» **WHAT THE TASK ASKS**: Work through the entries below and show every line in which "frame" is found.

[Collected data entries]
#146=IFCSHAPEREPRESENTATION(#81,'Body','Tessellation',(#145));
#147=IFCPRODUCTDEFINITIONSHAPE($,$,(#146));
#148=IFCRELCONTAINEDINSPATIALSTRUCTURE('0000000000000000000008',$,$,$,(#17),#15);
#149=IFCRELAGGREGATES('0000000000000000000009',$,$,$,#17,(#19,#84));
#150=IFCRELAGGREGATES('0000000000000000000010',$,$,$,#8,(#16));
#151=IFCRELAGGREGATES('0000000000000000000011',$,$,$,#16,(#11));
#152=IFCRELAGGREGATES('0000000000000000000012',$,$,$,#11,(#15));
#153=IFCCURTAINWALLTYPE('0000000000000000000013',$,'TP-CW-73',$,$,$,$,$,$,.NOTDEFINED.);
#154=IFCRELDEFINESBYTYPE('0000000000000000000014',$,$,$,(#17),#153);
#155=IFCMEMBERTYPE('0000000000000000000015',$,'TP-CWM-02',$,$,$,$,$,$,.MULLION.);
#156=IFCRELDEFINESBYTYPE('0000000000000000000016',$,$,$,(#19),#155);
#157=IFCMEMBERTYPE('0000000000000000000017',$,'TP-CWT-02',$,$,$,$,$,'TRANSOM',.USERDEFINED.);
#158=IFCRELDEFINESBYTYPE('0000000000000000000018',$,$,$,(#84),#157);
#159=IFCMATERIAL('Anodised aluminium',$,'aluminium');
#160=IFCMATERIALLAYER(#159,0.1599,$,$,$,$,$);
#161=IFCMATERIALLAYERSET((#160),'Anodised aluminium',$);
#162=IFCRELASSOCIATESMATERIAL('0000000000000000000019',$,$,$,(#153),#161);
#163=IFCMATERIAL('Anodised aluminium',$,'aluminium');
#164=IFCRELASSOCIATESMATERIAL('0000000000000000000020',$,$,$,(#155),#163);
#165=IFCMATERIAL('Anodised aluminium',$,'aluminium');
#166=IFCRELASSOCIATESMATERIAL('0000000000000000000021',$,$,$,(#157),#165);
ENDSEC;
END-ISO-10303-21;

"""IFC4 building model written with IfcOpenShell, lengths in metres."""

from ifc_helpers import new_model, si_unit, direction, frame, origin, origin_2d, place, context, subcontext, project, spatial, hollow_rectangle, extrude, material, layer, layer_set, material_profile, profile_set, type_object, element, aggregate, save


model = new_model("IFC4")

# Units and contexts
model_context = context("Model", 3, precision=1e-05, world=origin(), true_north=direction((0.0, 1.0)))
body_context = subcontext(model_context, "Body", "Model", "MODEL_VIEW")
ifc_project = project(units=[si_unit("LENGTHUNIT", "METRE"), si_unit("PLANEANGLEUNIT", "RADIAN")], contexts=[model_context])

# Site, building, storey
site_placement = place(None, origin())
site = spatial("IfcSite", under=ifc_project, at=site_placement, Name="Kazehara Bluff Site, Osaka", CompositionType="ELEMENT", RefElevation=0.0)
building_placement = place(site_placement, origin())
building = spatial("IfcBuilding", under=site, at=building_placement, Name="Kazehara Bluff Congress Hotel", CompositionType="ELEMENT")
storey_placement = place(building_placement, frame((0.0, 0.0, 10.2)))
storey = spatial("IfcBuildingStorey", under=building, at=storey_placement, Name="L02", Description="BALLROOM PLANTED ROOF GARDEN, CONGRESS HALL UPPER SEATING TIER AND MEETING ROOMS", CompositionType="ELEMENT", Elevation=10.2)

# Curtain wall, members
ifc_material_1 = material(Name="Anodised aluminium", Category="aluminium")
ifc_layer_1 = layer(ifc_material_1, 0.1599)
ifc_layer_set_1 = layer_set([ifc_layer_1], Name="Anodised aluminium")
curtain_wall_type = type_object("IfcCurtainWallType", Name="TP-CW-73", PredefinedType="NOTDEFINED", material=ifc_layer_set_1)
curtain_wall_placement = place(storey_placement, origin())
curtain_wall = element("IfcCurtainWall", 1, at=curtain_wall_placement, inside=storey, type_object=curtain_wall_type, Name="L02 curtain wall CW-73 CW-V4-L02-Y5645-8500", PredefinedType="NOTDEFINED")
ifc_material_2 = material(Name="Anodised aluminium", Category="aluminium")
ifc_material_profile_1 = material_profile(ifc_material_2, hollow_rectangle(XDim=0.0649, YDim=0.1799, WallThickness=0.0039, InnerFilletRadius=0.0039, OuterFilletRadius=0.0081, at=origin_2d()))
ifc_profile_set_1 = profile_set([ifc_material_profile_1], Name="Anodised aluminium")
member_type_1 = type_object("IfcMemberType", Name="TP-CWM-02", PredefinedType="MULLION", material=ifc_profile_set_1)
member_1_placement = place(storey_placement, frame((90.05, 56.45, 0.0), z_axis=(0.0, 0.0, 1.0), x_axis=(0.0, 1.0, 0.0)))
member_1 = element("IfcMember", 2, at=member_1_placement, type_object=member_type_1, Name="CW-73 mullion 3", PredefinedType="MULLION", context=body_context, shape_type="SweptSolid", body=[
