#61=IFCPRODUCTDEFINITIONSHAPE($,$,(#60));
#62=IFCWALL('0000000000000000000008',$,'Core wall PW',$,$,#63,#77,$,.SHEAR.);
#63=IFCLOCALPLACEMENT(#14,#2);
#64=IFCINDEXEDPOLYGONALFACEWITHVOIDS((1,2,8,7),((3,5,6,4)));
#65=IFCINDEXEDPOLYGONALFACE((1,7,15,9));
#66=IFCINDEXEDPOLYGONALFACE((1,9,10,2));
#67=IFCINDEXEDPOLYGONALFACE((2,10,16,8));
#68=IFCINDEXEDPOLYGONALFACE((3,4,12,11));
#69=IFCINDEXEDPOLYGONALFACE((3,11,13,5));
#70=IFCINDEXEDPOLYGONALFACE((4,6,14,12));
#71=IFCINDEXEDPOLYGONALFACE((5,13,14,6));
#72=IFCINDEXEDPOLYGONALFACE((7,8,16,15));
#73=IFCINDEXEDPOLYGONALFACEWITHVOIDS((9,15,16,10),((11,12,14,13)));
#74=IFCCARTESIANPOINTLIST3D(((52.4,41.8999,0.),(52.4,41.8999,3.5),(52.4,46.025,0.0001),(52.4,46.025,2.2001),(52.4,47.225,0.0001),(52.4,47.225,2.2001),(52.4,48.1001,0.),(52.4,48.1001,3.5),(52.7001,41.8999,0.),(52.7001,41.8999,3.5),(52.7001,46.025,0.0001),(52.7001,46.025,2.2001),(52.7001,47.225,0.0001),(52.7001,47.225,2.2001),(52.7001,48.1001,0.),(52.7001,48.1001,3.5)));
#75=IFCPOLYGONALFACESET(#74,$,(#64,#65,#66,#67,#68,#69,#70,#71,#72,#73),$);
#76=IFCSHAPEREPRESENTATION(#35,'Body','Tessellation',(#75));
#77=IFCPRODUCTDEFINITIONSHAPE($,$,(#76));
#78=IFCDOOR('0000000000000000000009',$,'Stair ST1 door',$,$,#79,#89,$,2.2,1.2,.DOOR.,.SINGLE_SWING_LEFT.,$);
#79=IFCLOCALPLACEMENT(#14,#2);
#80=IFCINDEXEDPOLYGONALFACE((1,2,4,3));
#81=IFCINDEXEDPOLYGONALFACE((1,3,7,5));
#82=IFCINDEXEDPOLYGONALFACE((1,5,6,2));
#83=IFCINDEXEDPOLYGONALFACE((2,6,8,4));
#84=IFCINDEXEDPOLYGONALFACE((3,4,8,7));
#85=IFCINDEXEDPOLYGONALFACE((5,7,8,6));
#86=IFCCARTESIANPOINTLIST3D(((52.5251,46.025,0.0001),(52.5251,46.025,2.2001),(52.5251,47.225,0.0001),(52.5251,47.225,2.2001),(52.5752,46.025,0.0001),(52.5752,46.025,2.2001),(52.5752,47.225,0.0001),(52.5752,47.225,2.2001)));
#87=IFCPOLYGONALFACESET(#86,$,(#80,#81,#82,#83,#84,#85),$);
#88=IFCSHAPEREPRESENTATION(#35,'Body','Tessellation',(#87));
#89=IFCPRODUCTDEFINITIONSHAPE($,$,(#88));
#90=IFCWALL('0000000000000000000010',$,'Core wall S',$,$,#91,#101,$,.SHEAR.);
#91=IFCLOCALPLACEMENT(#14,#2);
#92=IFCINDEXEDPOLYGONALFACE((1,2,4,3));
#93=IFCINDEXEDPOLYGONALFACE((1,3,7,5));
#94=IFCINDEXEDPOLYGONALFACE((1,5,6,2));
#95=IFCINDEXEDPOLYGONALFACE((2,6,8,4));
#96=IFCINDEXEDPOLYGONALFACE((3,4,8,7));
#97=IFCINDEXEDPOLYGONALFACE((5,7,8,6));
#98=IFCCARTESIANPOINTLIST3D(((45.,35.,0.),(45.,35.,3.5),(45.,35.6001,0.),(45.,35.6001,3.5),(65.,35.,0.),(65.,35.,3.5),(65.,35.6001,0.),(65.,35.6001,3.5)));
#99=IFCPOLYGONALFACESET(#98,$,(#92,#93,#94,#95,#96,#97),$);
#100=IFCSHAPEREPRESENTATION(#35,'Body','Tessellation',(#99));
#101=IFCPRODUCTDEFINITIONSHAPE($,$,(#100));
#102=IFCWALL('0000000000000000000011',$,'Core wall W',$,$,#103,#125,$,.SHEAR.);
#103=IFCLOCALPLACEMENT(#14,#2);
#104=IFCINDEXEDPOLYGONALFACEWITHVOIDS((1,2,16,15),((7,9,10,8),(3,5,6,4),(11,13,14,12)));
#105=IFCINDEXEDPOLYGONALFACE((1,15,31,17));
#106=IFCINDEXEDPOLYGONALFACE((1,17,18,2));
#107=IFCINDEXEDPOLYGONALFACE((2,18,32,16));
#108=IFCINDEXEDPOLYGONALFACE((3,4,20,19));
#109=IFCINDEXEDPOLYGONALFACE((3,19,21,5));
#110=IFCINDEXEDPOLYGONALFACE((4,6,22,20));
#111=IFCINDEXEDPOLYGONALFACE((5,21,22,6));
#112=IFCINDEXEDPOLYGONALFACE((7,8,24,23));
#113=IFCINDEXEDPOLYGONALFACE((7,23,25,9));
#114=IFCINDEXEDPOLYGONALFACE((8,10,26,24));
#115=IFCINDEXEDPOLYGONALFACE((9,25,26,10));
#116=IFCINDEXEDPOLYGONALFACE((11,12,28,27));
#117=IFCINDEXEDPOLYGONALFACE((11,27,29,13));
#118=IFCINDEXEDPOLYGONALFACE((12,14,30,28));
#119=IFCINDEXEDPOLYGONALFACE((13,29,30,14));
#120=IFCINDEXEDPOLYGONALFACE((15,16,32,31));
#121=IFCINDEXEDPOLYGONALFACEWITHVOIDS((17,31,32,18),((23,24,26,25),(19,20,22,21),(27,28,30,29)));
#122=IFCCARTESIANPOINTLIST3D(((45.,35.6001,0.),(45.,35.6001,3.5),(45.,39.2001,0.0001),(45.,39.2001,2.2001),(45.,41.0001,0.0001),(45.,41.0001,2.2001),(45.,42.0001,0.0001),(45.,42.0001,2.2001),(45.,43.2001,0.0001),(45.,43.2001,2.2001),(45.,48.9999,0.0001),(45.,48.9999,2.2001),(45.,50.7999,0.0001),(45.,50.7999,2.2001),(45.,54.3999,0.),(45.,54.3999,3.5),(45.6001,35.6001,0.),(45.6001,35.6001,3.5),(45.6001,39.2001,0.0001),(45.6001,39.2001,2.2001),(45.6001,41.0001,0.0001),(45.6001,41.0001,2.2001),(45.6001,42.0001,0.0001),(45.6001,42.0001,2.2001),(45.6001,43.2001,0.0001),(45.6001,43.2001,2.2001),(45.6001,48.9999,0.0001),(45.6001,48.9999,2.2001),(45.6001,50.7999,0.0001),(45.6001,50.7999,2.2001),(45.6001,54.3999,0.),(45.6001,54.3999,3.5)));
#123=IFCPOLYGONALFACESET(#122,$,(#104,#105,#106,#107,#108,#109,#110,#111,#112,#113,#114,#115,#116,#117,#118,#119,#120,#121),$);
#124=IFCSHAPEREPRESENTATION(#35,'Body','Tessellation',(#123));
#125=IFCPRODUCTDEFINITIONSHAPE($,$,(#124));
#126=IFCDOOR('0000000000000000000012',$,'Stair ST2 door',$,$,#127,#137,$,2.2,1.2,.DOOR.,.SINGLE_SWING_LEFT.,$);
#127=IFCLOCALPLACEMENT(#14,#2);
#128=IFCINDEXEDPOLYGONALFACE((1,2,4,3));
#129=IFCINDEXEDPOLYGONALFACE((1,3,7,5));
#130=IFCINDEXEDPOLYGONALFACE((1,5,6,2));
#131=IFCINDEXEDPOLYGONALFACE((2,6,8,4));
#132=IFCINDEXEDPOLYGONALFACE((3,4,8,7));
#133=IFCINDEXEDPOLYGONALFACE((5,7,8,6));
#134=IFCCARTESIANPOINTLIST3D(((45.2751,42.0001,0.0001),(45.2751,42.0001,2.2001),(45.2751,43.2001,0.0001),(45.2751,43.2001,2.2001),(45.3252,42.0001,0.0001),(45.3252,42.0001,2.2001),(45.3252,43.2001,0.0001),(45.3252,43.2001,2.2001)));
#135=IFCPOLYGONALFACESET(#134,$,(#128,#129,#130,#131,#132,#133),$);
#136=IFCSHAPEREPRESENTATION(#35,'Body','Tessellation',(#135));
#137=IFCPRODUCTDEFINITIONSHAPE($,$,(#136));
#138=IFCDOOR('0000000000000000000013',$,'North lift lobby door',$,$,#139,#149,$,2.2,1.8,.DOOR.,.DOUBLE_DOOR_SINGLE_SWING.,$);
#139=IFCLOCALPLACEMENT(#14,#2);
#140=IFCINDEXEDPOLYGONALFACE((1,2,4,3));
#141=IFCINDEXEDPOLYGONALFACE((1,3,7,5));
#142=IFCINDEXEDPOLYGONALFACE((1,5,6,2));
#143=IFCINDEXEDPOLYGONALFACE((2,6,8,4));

» **EXERCISE RESPONSE**:
from ifc_helpers import new_model, si_unit, direction, frame, origin, origin_2d, place, context, subcontext, project, spatial, hollow_rectangle, extrude, material, layer, layer_set, material_profile, profile_set, type_object, element, aggregate, save
storey_placement = place(building_placement, frame((0.0, 0.0, 10.2)))
member_1_placement = place(storey_placement, frame((90.05, 56.45, 0.0), z_axis=(0.0, 0.0, 1.0), x_axis=(0.0, 1.0, 0.0)))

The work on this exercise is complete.